EXERCISE GOAL
The lines to repeat are those below from the one containing "#186=IFCMATERIALLAYERSET((#185),'Solar-control bronze low-E" down to the one containing "building model written", both included; reproduce them exactly and nothing else.

Collected data entries
▶

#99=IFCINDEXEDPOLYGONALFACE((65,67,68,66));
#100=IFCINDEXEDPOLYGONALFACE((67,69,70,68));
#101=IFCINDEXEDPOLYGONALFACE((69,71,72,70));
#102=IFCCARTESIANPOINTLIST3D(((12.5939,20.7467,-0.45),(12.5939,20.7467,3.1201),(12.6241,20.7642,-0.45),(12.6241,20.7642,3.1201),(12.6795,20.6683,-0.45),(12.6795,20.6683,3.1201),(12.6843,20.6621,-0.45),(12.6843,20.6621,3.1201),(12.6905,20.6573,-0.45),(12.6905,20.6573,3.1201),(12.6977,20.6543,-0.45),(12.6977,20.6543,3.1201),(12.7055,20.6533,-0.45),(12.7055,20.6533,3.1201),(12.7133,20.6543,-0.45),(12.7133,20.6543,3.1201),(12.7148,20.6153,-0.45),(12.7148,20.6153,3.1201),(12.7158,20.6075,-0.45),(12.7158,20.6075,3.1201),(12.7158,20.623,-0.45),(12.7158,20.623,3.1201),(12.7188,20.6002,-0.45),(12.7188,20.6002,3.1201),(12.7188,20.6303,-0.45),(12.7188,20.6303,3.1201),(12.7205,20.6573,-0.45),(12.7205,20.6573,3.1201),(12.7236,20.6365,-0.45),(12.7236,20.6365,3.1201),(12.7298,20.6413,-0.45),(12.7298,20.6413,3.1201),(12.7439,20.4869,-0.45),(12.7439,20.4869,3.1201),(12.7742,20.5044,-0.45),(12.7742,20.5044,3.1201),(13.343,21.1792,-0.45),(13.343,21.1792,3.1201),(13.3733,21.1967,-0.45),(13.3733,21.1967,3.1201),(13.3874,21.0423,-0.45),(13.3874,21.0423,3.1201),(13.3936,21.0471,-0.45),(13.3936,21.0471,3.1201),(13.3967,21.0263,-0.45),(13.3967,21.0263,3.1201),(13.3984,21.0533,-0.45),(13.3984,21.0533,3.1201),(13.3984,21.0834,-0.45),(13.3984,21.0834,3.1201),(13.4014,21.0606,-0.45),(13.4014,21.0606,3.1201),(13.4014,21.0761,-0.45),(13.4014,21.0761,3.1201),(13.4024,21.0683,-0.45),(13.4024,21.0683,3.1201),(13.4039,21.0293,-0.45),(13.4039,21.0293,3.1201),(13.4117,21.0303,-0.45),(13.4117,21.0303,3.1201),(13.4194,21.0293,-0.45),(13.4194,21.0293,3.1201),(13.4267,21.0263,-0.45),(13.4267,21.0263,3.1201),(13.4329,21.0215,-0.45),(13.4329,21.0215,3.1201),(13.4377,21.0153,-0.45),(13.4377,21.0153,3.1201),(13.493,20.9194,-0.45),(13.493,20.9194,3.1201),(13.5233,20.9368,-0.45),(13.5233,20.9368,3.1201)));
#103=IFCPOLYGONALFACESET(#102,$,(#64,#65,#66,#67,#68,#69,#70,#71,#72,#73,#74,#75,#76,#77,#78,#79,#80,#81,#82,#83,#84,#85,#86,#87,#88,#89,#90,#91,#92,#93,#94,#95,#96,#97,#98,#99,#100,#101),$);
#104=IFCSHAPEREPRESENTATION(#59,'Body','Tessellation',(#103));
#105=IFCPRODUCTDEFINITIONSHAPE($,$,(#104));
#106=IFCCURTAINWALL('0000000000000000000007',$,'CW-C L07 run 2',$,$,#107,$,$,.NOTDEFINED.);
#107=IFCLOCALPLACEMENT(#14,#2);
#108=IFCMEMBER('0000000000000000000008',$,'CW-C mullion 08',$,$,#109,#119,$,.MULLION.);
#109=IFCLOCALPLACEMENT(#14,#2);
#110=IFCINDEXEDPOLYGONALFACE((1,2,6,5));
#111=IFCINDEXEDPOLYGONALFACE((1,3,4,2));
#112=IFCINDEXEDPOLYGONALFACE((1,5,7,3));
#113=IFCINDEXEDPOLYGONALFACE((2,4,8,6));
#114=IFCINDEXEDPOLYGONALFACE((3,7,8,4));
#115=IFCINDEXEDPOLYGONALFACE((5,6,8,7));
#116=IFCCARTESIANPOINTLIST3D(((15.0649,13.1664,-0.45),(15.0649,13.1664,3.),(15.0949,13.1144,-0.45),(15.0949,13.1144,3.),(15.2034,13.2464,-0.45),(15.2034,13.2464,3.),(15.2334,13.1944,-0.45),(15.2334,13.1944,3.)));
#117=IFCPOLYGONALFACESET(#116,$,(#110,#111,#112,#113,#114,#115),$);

◀
▶

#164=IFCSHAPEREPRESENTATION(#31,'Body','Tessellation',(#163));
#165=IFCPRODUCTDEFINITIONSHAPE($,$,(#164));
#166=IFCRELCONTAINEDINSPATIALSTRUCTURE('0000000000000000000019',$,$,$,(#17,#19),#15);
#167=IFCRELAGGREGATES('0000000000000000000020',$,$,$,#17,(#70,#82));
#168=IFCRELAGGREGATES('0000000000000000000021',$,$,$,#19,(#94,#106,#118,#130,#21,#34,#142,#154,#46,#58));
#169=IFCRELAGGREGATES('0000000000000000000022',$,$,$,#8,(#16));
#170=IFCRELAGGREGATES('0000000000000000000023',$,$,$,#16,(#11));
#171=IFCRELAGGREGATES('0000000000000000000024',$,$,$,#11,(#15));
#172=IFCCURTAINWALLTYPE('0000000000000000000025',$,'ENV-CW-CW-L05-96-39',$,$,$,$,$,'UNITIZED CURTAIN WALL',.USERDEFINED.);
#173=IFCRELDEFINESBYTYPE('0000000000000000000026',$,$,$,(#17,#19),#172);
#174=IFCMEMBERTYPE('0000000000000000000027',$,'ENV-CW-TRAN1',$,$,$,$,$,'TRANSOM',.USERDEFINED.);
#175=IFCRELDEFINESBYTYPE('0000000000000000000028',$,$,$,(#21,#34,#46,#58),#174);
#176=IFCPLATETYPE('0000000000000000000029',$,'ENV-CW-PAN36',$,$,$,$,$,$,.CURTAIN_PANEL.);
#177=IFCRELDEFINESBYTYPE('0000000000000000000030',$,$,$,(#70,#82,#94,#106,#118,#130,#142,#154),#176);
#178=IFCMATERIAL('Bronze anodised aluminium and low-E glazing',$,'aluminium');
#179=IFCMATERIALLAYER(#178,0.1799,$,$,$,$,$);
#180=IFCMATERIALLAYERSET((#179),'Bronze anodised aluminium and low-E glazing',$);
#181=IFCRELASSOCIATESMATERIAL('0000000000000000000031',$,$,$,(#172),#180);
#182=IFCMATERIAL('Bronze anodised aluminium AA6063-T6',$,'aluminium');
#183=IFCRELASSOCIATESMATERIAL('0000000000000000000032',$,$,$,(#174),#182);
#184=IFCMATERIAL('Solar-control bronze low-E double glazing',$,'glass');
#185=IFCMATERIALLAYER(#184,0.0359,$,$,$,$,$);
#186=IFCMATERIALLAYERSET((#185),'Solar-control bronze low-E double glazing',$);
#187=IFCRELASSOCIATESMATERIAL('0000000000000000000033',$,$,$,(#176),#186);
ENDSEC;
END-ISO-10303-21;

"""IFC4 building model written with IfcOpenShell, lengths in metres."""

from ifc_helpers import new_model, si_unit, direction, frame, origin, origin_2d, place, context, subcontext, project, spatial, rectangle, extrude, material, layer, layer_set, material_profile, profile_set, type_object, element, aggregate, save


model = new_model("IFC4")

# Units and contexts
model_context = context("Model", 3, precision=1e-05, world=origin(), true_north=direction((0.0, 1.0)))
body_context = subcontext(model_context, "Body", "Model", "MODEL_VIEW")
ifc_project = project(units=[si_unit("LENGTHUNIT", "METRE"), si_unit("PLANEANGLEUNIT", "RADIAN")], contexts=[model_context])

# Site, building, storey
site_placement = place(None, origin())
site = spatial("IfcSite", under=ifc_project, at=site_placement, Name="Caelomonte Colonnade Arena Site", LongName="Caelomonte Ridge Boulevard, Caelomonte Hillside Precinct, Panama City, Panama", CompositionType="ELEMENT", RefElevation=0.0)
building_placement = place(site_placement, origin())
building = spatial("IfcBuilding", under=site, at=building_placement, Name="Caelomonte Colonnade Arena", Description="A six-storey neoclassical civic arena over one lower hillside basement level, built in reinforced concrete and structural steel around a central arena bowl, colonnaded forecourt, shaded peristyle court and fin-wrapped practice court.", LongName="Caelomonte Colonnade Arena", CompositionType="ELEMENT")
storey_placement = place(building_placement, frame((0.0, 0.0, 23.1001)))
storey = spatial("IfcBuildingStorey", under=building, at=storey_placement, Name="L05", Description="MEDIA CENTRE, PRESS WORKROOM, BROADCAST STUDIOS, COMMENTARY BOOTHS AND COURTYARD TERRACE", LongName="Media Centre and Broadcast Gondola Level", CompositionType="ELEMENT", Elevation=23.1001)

◀

RESULT
#186=IFCMATERIALLAYERSET((#185),'Solar-control bronze low-E double glazing',$);
#187=IFCRELASSOCIATESMATERIAL('0000000000000000000033',$,$,$,(#176),#186);
ENDSEC;
END-ISO-10303-21;

"""IFC4 building model written with IfcOpenShell, lengths in metres."""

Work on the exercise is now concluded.